SUPPLIED INFORMATION:
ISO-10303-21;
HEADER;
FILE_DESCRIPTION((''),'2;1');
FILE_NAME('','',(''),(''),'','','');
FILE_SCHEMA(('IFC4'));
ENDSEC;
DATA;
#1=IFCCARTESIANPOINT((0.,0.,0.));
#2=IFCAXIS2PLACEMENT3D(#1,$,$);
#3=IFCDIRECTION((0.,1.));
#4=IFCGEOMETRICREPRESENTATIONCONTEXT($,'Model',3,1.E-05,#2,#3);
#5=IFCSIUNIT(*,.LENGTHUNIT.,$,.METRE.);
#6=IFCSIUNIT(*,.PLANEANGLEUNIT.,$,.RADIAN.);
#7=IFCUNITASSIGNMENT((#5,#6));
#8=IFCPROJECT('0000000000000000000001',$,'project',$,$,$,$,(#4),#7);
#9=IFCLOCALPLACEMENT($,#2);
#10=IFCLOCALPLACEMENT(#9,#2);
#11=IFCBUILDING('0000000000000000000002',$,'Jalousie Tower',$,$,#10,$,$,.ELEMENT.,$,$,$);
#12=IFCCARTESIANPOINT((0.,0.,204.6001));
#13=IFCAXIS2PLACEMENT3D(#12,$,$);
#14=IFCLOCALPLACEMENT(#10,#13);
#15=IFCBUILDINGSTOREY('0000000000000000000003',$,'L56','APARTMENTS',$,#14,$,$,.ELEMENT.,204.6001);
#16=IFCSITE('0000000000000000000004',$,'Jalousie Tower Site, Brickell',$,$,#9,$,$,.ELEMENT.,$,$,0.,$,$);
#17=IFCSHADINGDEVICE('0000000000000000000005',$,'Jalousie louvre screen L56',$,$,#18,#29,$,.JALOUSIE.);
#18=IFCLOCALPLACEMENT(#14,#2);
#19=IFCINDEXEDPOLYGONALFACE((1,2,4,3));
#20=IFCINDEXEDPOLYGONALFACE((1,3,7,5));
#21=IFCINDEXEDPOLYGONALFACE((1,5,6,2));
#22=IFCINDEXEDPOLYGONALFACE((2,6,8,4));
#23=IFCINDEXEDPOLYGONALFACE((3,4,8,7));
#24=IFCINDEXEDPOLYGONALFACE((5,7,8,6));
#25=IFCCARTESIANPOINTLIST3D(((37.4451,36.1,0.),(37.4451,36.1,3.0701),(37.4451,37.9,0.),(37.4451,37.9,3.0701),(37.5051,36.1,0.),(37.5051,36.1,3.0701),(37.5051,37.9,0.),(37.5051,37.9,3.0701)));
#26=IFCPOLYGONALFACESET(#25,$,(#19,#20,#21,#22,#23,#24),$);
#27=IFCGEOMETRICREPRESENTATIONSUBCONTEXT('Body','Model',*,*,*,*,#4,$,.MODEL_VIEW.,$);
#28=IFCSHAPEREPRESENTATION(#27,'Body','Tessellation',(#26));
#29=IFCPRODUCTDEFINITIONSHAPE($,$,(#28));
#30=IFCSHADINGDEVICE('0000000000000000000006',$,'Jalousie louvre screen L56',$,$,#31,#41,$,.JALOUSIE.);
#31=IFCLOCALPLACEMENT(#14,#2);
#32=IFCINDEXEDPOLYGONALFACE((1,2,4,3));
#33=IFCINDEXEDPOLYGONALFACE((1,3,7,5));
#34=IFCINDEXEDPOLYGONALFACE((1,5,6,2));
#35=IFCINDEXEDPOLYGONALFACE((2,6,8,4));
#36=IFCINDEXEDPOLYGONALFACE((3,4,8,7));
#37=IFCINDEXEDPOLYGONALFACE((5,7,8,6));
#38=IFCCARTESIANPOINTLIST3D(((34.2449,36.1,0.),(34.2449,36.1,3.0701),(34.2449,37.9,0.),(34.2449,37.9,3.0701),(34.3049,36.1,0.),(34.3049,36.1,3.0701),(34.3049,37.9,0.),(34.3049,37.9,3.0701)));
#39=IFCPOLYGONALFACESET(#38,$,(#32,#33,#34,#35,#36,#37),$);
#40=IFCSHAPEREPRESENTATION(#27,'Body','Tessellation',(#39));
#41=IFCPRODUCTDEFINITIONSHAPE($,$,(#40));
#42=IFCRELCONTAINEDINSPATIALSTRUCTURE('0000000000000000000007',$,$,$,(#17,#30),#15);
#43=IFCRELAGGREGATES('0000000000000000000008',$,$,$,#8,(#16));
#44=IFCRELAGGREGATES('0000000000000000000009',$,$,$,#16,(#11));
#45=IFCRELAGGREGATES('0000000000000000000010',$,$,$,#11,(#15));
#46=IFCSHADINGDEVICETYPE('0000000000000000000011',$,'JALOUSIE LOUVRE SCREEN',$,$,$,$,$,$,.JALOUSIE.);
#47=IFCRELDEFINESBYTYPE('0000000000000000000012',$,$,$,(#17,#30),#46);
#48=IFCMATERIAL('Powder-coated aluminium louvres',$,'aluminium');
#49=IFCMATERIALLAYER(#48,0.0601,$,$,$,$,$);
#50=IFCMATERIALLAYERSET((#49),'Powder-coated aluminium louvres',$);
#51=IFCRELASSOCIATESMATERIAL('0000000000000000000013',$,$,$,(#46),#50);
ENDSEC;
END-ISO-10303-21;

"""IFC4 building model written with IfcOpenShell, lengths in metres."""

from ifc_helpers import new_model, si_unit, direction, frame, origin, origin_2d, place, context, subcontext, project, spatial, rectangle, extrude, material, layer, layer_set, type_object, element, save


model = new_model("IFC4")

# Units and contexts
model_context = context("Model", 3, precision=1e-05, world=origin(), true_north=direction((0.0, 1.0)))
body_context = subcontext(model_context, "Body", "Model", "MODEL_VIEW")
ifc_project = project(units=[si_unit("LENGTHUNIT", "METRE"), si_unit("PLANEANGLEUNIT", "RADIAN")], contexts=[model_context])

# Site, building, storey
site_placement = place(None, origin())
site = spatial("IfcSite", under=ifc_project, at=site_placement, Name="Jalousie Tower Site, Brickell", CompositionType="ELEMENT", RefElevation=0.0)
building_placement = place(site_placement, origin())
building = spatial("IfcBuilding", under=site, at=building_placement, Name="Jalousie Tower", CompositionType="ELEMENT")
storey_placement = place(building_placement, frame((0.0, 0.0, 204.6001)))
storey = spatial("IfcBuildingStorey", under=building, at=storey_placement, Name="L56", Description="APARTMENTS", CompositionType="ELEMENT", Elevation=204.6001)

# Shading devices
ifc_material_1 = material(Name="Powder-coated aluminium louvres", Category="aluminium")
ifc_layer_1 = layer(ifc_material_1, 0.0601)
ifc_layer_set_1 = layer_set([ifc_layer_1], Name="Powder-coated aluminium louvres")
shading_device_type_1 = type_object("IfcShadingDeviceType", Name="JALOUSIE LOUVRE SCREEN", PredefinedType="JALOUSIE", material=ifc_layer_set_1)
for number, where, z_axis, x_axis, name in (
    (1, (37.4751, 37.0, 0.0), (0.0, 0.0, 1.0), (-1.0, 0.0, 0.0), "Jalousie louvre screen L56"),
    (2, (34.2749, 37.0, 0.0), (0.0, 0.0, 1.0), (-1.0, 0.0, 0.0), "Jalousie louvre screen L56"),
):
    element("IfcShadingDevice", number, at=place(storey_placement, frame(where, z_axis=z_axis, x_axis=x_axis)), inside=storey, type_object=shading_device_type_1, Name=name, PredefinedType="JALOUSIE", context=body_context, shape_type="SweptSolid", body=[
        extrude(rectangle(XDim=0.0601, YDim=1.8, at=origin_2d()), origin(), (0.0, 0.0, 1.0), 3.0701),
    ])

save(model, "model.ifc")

ACTION ITEM:
This exercise requires that all of the entries be repeated exactly.

EXERCISE RESPONSE:
ISO-10303-21;
HEADER;
FILE_DESCRIPTION((''),'2;1');
FILE_NAME('','',(''),(''),'','','');
FILE_SCHEMA(('IFC4'));
ENDSEC;
DATA;
#1=IFCCARTESIANPOINT((0.,0.,0.));
#2=IFCAXIS2PLACEMENT3D(#1,$,$);
#3=IFCDIRECTION((0.,1.));
#4=IFCGEOMETRICREPRESENTATIONCONTEXT($,'Model',3,1.E-05,#2,#3);
#5=IFCSIUNIT(*,.LENGTHUNIT.,$,.METRE.);
#6=IFCSIUNIT(*,.PLANEANGLEUNIT.,$,.RADIAN.);
#7=IFCUNITASSIGNMENT((#5,#6));
#8=IFCPROJECT('0000000000000000000001',$,'project',$,$,$,$,(#4),#7);
#9=IFCLOCALPLACEMENT($,#2);
#10=IFCLOCALPLACEMENT(#9,#2);
#11=IFCBUILDING('0000000000000000000002',$,'Jalousie Tower',$,$,#10,$,$,.ELEMENT.,$,$,$);
#12=IFCCARTESIANPOINT((0.,0.,204.6001));
#13=IFCAXIS2PLACEMENT3D(#12,$,$);
#14=IFCLOCALPLACEMENT(#10,#13);
#15=IFCBUILDINGSTOREY('0000000000000000000003',$,'L56','APARTMENTS',$,#14,$,$,.ELEMENT.,204.6001);
#16=IFCSITE('0000000000000000000004',$,'Jalousie Tower Site, Brickell',$,$,#9,$,$,.ELEMENT.,$,$,0.,$,$);
#17=IFCSHADINGDEVICE('0000000000000000000005',$,'Jalousie louvre screen L56',$,$,#18,#29,$,.JALOUSIE.);
#18=IFCLOCALPLACEMENT(#14,#2);
#19=IFCINDEXEDPOLYGONALFACE((1,2,4,3));
#20=IFCINDEXEDPOLYGONALFACE((1,3,7,5));
#21=IFCINDEXEDPOLYGONALFACE((1,5,6,2));
#22=IFCINDEXEDPOLYGONALFACE((2,6,8,4));
#23=IFCINDEXEDPOLYGONALFACE((3,4,8,7));
#24=IFCINDEXEDPOLYGONALFACE((5,7,8,6));
#25=IFCCARTESIANPOINTLIST3D(((37.4451,36.1,0.),(37.4451,36.1,3.0701),(37.4451,37.9,0.),(37.4451,37.9,3.0701),(37.5051,36.1,0.),(37.5051,36.1,3.0701),(37.5051,37.9,0.),(37.5051,37.9,3.0701)));
#26=IFCPOLYGONALFACESET(#25,$,(#19,#20,#21,#22,#23,#24),$);
#27=IFCGEOMETRICREPRESENTATIONSUBCONTEXT('Body','Model',*,*,*,*,#4,$,.MODEL_VIEW.,$);
#28=IFCSHAPEREPRESENTATION(#27,'Body','Tessellation',(#26));
#29=IFCPRODUCTDEFINITIONSHAPE($,$,(#28));
#30=IFCSHADINGDEVICE('0000000000000000000006',$,'Jalousie louvre screen L56',$,$,#31,#41,$,.JALOUSIE.);
#31=IFCLOCALPLACEMENT(#14,#2);
#32=IFCINDEXEDPOLYGONALFACE((1,2,4,3));
#33=IFCINDEXEDPOLYGONALFACE((1,3,7,5));
#34=IFCINDEXEDPOLYGONALFACE((1,5,6,2));
#35=IFCINDEXEDPOLYGONALFACE((2,6,8,4));
#36=IFCINDEXEDPOLYGONALFACE((3,4,8,7));
#37=IFCINDEXEDPOLYGONALFACE((5,7,8,6));
#38=IFCCARTESIANPOINTLIST3D(((34.2449,36.1,0.),(34.2449,36.1,3.0701),(34.2449,37.9,0.),(34.2449,37.9,3.0701),(34.3049,36.1,0.),(34.3049,36.1,3.0701),(34.3049,37.9,0.),(34.3049,37.9,3.0701)));
#39=IFCPOLYGONALFACESET(#38,$,(#32,#33,#34,#35,#36,#37),$);
#40=IFCSHAPEREPRESENTATION(#27,'Body','Tessellation',(#39));
#41=IFCPRODUCTDEFINITIONSHAPE($,$,(#40));
#42=IFCRELCONTAINEDINSPATIALSTRUCTURE('0000000000000000000007',$,$,$,(#17,#30),#15);
#43=IFCRELAGGREGATES('0000000000000000000008',$,$,$,#8,(#16));
#44=IFCRELAGGREGATES('0000000000000000000009',$,$,$,#16,(#11));
#45=IFCRELAGGREGATES('0000000000000000000010',$,$,$,#11,(#15));
#46=IFCSHADINGDEVICETYPE('0000000000000000000011',$,'JALOUSIE LOUVRE SCREEN',$,$,$,$,$,$,.JALOUSIE.);
#47=IFCRELDEFINESBYTYPE('0000000000000000000012',$,$,$,(#17,#30),#46);
#48=IFCMATERIAL('Powder-coated aluminium louvres',$,'aluminium');
#49=IFCMATERIALLAYER(#48,0.0601,$,$,$,$,$);
#50=IFCMATERIALLAYERSET((#49),'Powder-coated aluminium louvres',$);
#51=IFCRELASSOCIATESMATERIAL('0000000000000000000013',$,$,$,(#46),#50);
ENDSEC;
END-ISO-10303-21;

"""IFC4 building model written with IfcOpenShell, lengths in metres."""

from ifc_helpers import new_model, si_unit, direction, frame, origin, origin_2d, place, context, subcontext, project, spatial, rectangle, extrude, material, layer, layer_set, type_object, element, save


model = new_model("IFC4")

# Units and contexts
model_context = context("Model", 3, precision=1e-05, world=origin(), true_north=direction((0.0, 1.0)))
body_context = subcontext(model_context, "Body", "Model", "MODEL_VIEW")
ifc_project = project(units=[si_unit("LENGTHUNIT", "METRE"), si_unit("PLANEANGLEUNIT", "RADIAN")], contexts=[model_context])

# Site, building, storey
site_placement = place(None, origin())
site = spatial("IfcSite", under=ifc_project, at=site_placement, Name="Jalousie Tower Site, Brickell", CompositionType="ELEMENT", RefElevation=0.0)
building_placement = place(site_placement, origin())
building = spatial("IfcBuilding", under=site, at=building_placement, Name="Jalousie Tower", CompositionType="ELEMENT")
storey_placement = place(building_placement, frame((0.0, 0.0, 204.6001)))
storey = spatial("IfcBuildingStorey", under=building, at=storey_placement, Name="L56", Description="APARTMENTS", CompositionType="ELEMENT", Elevation=204.6001)

# Shading devices
ifc_material_1 = material(Name="Powder-coated aluminium louvres", Category="aluminium")
ifc_layer_1 = layer(ifc_material_1, 0.0601)
ifc_layer_set_1 = layer_set([ifc_layer_1], Name="Powder-coated aluminium louvres")
shading_device_type_1 = type_object("IfcShadingDeviceType", Name="JALOUSIE LOUVRE SCREEN", PredefinedType="JALOUSIE", material=ifc_layer_set_1)
for number, where, z_axis, x_axis, name in (
    (1, (37.4751, 37.0, 0.0), (0.0, 0.0, 1.0), (-1.0, 0.0, 0.0), "Jalousie louvre screen L56"),
    (2, (34.2749, 37.0, 0.0), (0.0, 0.0, 1.0), (-1.0, 0.0, 0.0), "Jalousie louvre screen L56"),
):
    element("IfcShadingDevice", number, at=place(storey_placement, frame(where, z_axis=z_axis, x_axis=x_axis)), inside=storey, type_object=shading_device_type_1, Name=name, PredefinedType="JALOUSIE", context=body_context, shape_type="SweptSolid", body=[
        extrude(rectangle(XDim=0.0601, YDim=1.8, at=origin_2d()), origin(), (0.0, 0.0, 1.0), 3.0701),
    ])

save(model, "model.ifc")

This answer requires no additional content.